(Listed entries)

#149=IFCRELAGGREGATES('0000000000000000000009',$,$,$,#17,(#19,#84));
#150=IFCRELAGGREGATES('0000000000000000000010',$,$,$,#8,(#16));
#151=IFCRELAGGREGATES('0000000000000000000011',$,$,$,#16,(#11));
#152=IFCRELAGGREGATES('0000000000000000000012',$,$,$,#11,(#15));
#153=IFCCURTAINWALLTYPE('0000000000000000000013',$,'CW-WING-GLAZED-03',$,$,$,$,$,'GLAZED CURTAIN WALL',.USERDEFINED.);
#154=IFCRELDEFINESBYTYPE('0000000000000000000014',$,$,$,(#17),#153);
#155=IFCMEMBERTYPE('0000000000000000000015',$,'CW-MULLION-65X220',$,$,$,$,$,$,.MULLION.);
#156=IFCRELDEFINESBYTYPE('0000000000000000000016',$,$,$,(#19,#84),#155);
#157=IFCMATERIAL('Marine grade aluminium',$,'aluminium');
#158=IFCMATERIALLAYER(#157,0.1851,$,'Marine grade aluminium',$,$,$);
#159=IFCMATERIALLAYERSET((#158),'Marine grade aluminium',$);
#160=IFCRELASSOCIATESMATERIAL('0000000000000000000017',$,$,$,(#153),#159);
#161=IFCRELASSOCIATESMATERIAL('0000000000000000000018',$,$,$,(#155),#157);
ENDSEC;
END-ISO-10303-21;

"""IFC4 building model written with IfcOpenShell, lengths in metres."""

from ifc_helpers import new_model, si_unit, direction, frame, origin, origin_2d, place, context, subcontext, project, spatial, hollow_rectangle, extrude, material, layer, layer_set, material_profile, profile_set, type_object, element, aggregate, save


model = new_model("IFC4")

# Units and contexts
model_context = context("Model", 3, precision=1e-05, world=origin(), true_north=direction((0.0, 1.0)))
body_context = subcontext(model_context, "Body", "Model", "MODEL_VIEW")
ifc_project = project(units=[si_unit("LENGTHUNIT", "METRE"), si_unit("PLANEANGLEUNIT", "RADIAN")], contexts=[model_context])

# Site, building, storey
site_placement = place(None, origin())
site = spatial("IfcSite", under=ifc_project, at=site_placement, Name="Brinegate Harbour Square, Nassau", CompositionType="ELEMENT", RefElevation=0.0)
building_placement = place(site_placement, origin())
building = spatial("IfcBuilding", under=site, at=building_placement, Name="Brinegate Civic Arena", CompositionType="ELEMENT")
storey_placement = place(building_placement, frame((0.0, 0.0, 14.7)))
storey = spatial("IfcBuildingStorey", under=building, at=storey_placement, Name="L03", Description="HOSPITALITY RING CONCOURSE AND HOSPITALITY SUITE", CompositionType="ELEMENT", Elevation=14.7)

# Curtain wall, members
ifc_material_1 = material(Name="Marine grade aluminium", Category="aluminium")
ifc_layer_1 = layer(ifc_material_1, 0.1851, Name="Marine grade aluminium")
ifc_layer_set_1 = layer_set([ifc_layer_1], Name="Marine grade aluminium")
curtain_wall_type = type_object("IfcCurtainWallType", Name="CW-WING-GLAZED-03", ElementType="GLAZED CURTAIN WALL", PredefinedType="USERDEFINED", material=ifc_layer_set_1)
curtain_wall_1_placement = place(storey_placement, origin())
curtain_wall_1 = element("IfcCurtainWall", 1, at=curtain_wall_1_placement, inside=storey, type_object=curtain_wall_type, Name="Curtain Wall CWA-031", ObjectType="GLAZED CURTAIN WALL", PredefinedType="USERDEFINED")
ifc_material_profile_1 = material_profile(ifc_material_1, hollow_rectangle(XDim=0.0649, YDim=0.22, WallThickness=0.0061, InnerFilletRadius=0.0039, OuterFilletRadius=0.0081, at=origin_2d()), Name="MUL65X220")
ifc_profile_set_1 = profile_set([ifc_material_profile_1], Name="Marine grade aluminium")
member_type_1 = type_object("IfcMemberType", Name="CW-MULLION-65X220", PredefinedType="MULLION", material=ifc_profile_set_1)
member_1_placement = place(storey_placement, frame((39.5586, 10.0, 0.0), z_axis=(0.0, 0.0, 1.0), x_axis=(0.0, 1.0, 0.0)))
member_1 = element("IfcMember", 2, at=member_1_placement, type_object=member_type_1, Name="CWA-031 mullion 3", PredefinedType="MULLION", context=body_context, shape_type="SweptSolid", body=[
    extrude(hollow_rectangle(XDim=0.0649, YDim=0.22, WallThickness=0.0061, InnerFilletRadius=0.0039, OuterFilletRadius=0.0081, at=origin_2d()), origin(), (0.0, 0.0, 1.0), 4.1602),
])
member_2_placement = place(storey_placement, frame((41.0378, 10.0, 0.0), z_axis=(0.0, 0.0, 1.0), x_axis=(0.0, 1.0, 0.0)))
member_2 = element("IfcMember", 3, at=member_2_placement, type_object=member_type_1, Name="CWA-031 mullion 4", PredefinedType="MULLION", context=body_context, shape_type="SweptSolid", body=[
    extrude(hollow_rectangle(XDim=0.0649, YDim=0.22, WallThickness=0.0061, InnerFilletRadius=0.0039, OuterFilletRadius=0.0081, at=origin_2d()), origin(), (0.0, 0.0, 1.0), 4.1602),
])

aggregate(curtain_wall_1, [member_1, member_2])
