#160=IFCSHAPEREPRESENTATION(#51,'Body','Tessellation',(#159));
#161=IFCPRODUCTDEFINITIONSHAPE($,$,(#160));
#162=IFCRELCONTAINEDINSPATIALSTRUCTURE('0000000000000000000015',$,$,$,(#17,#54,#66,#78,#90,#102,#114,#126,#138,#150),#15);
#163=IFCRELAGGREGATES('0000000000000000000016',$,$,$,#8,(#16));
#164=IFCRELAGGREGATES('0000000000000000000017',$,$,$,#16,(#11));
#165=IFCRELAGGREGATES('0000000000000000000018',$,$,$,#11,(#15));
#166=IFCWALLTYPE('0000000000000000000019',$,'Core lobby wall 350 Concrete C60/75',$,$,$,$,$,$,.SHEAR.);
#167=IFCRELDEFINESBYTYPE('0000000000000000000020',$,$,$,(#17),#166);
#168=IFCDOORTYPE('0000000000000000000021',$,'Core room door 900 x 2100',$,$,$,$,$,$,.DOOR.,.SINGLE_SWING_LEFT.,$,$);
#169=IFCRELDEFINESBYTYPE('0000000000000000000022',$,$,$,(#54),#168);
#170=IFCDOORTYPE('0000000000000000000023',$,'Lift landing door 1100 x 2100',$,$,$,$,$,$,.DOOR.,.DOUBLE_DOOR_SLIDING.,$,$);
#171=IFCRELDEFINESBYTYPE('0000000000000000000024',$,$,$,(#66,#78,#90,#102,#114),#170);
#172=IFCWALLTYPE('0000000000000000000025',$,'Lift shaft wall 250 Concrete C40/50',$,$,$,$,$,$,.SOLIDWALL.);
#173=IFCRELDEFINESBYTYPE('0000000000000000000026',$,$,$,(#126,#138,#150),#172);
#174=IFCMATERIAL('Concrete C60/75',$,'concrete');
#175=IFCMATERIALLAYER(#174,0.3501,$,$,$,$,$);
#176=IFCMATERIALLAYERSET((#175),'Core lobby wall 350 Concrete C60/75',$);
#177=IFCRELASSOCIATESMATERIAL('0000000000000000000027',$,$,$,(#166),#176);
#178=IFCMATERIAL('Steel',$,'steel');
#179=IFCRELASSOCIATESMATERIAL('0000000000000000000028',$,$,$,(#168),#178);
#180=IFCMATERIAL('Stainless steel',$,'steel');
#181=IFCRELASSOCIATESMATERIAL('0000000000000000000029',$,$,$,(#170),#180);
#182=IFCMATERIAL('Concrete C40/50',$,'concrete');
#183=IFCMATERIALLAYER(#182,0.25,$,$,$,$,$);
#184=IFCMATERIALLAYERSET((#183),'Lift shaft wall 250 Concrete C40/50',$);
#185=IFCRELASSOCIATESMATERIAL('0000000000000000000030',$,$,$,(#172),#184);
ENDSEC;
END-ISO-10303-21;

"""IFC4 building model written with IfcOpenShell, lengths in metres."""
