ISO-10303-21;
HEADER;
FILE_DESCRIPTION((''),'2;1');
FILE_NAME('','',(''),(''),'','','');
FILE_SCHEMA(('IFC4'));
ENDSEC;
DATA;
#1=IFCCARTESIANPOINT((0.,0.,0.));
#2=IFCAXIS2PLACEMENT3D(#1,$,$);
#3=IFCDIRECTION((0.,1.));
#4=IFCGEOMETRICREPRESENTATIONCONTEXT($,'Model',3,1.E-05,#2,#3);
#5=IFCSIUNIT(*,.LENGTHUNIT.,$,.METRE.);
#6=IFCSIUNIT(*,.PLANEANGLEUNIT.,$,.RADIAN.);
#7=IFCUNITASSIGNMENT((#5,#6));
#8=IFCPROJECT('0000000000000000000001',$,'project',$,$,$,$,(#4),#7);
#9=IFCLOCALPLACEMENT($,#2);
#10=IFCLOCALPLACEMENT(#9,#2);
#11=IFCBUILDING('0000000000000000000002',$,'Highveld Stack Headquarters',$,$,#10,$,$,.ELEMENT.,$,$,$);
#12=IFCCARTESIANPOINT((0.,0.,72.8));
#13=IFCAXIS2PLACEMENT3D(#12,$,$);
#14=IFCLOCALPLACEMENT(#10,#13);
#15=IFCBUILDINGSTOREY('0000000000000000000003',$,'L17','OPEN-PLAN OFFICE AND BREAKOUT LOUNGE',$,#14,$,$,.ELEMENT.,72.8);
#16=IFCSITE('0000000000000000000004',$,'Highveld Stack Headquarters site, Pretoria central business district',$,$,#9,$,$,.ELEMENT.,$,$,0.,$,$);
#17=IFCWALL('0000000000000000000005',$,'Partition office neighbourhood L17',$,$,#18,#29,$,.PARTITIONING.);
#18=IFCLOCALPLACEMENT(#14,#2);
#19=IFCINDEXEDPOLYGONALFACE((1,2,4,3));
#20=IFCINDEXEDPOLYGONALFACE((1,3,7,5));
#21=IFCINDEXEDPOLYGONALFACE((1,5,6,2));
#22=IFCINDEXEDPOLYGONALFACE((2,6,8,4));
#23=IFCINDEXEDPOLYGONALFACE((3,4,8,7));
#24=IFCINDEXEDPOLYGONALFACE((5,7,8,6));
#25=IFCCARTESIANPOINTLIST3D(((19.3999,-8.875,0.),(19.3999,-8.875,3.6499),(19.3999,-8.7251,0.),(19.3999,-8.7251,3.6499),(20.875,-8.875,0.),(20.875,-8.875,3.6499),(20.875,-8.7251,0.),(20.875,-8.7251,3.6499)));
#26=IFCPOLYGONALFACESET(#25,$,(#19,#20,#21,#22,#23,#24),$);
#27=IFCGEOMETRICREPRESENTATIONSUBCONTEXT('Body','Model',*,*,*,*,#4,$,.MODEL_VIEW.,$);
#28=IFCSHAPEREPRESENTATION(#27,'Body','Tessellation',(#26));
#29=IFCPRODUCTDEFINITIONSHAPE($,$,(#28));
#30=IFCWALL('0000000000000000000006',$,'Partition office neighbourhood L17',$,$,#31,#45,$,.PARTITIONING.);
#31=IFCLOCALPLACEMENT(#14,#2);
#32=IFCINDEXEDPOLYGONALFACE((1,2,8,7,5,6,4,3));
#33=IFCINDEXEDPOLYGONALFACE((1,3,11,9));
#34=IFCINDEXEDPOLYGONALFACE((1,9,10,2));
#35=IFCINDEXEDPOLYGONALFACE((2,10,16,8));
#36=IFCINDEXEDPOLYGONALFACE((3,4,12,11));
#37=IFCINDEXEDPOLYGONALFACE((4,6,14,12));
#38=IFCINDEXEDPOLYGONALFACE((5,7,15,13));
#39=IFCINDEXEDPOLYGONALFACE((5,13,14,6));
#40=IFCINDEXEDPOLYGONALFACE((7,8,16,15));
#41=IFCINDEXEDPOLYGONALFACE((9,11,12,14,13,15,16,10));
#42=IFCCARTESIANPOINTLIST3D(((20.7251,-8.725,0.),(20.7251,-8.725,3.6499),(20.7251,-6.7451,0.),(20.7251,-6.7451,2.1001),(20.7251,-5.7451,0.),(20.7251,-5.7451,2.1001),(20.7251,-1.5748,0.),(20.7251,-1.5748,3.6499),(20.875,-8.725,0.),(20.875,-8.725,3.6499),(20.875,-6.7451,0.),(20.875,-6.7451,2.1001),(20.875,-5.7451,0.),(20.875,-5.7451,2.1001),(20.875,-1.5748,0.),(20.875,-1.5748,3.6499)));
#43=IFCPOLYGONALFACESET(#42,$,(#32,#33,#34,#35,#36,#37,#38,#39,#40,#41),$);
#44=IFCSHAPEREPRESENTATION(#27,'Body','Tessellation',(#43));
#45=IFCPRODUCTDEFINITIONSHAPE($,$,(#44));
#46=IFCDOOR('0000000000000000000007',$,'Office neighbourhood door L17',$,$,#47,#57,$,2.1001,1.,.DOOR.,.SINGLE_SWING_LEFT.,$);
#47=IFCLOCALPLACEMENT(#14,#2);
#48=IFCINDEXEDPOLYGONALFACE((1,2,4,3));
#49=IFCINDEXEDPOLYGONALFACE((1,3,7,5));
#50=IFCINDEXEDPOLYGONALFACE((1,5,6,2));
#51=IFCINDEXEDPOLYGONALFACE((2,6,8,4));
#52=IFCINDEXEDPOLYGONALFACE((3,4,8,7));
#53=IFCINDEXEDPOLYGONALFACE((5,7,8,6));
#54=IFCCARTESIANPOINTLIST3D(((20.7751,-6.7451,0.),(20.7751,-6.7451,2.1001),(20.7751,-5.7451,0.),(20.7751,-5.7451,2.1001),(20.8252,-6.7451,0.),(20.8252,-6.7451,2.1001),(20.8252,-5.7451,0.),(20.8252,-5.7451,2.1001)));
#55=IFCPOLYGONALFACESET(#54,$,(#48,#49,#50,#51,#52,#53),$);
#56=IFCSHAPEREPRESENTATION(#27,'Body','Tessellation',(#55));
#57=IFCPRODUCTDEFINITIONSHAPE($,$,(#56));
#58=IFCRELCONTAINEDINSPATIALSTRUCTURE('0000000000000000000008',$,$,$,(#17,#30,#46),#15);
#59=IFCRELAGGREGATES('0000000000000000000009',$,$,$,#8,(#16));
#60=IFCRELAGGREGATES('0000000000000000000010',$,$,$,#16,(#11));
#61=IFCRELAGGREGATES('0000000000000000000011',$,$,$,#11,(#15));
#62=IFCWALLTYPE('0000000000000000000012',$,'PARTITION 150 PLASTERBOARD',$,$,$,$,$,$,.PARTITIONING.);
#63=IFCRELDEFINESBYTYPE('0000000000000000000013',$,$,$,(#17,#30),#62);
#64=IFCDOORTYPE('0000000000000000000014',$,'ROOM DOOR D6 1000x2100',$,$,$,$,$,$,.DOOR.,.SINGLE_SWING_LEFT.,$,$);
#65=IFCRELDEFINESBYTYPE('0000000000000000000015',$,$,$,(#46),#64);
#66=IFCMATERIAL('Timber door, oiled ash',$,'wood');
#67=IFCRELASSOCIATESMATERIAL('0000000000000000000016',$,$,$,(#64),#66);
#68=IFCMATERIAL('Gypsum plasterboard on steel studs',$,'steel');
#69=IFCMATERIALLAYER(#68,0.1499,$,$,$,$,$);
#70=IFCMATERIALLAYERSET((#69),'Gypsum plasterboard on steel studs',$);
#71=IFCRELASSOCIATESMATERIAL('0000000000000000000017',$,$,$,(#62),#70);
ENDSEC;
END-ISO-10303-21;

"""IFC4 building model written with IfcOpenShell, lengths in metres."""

from ifc_helpers import new_model, si_unit, direction, frame, frame_2d, origin, place, context, subcontext, project, spatial, rectangle, extrude, material, layer, layer_set, type_object, element, fill, save


model = new_model("IFC4")

# Units and contexts
model_context = context("Model", 3, precision=1e-05, world=origin(), true_north=direction((0.0, 1.0)))
body_context = subcontext(model_context, "Body", "Model", "MODEL_VIEW")
ifc_project = project(units=[si_unit("LENGTHUNIT", "METRE"), si_unit("PLANEANGLEUNIT", "RADIAN")], contexts=[model_context])

# Site, building, storey
site_placement = place(None, origin())
site = spatial("IfcSite", under=ifc_project, at=site_placement, Name="Highveld Stack Headquarters site, Pretoria central business district", CompositionType="ELEMENT", RefElevation=0.0)
building_placement = place(site_placement, origin())
building = spatial("IfcBuilding", under=site, at=building_placement, Name="Highveld Stack Headquarters", CompositionType="ELEMENT")
storey_placement = place(building_placement, frame((0.0, 0.0, 72.8)))
storey = spatial("IfcBuildingStorey", under=building, at=storey_placement, Name="L17", Description="OPEN-PLAN OFFICE AND BREAKOUT LOUNGE", CompositionType="ELEMENT", Elevation=72.8)

# Shared definitions
ifc_material_1 = material(Name="Timber door, oiled ash", Category="wood")
door_type_1 = type_object("IfcDoorType", Name="ROOM DOOR D6 1000x2100", OperationType="SINGLE_SWING_LEFT", PredefinedType="DOOR", material=ifc_material_1)

# Shared definitions
ifc_material_2 = material(Name="Gypsum plasterboard on steel studs", Category="steel")
ifc_layer_1 = layer(ifc_material_2, 0.1499)
ifc_layer_set_1 = layer_set([ifc_layer_1], Name="Gypsum plasterboard on steel studs")
wall_type_1 = type_object("IfcWallType", Name="PARTITION 150 PLASTERBOARD", PredefinedType="PARTITIONING", material=ifc_layer_set_1)

# Wall
wall_1_placement = place(storey_placement, frame((19.3999, -8.8, 0.0), z_axis=(0.0, 0.0, 1.0), x_axis=(1.0, 0.0, 0.0)))
element("IfcWall", 1, at=wall_1_placement, inside=storey, type_object=wall_type_1, Name="Partition office neighbourhood L17", PredefinedType="PARTITIONING", context=body_context, shape_type="SweptSolid", body=[
    extrude(rectangle(XDim=1.4751, YDim=0.1499, at=frame_2d((0.7375, 0.0))), origin(), (0.0, 0.0, 1.0), 3.6499),
])

# Wall, opening, door
wall_2_placement = place(storey_placement, frame((20.8, -8.7251, 0.0), z_axis=(0.0, 0.0, 1.0), x_axis=(0.0, 1.0, 0.0)))
wall_2 = element("IfcWall", 2, at=wall_2_placement, inside=storey, type_object=wall_type_1, Name="Partition office neighbourhood L17", PredefinedType="PARTITIONING", context=body_context, shape_type="SweptSolid", body=[
    extrude(rectangle(XDim=7.1501, YDim=0.1499, at=frame_2d((3.5752, 0.0))), origin(), (0.0, 0.0, 1.0), 3.6499),
])
opening_1_placement = place(wall_2_placement, frame((1.98, 0.0, 0.0)))
opening_1 = element("IfcOpeningElement", 3, at=opening_1_placement, cuts=wall_2, PredefinedType="OPENING", context=body_context, shape_type="SweptSolid", body=[
    extrude(rectangle(XDim=1.0, YDim=2.1001, at=frame_2d((0.5, 1.05))), frame((0.0, 0.085, 0.0), z_axis=(0.0, -1.0, 0.0), x_axis=(1.0, 0.0, 0.0)), (0.0, 0.0, 1.0), 0.1699),
])
door_1_placement = place(opening_1_placement, origin())
door_1 = element("IfcDoor", 4, at=door_1_placement, inside=storey, type_object=door_type_1, Name="Office neighbourhood door L17", OperationType="SINGLE_SWING_LEFT", OverallHeight=2.1001, OverallWidth=1.0, PredefinedType="DOOR", context=body_context, shape_type="SweptSolid", body=[
    extrude(rectangle(XDim=1.0, YDim=2.1001, at=frame_2d((0.5, 1.05))), frame((0.0, 0.0249, 0.0), z_axis=(0.0, -1.0, 0.0), x_axis=(1.0, 0.0, 0.0)), (0.0, 0.0, 1.0), 0.05),
])
fill(opening_1, door_1)

save(model, "model.ifc")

(End Listed entries)

◆ **Exercise description**
Tally the lines of the records that contain "IFCPRODUCTDEFINITIONSHAPE", then write only the total.

◆ **Exercise answer**
4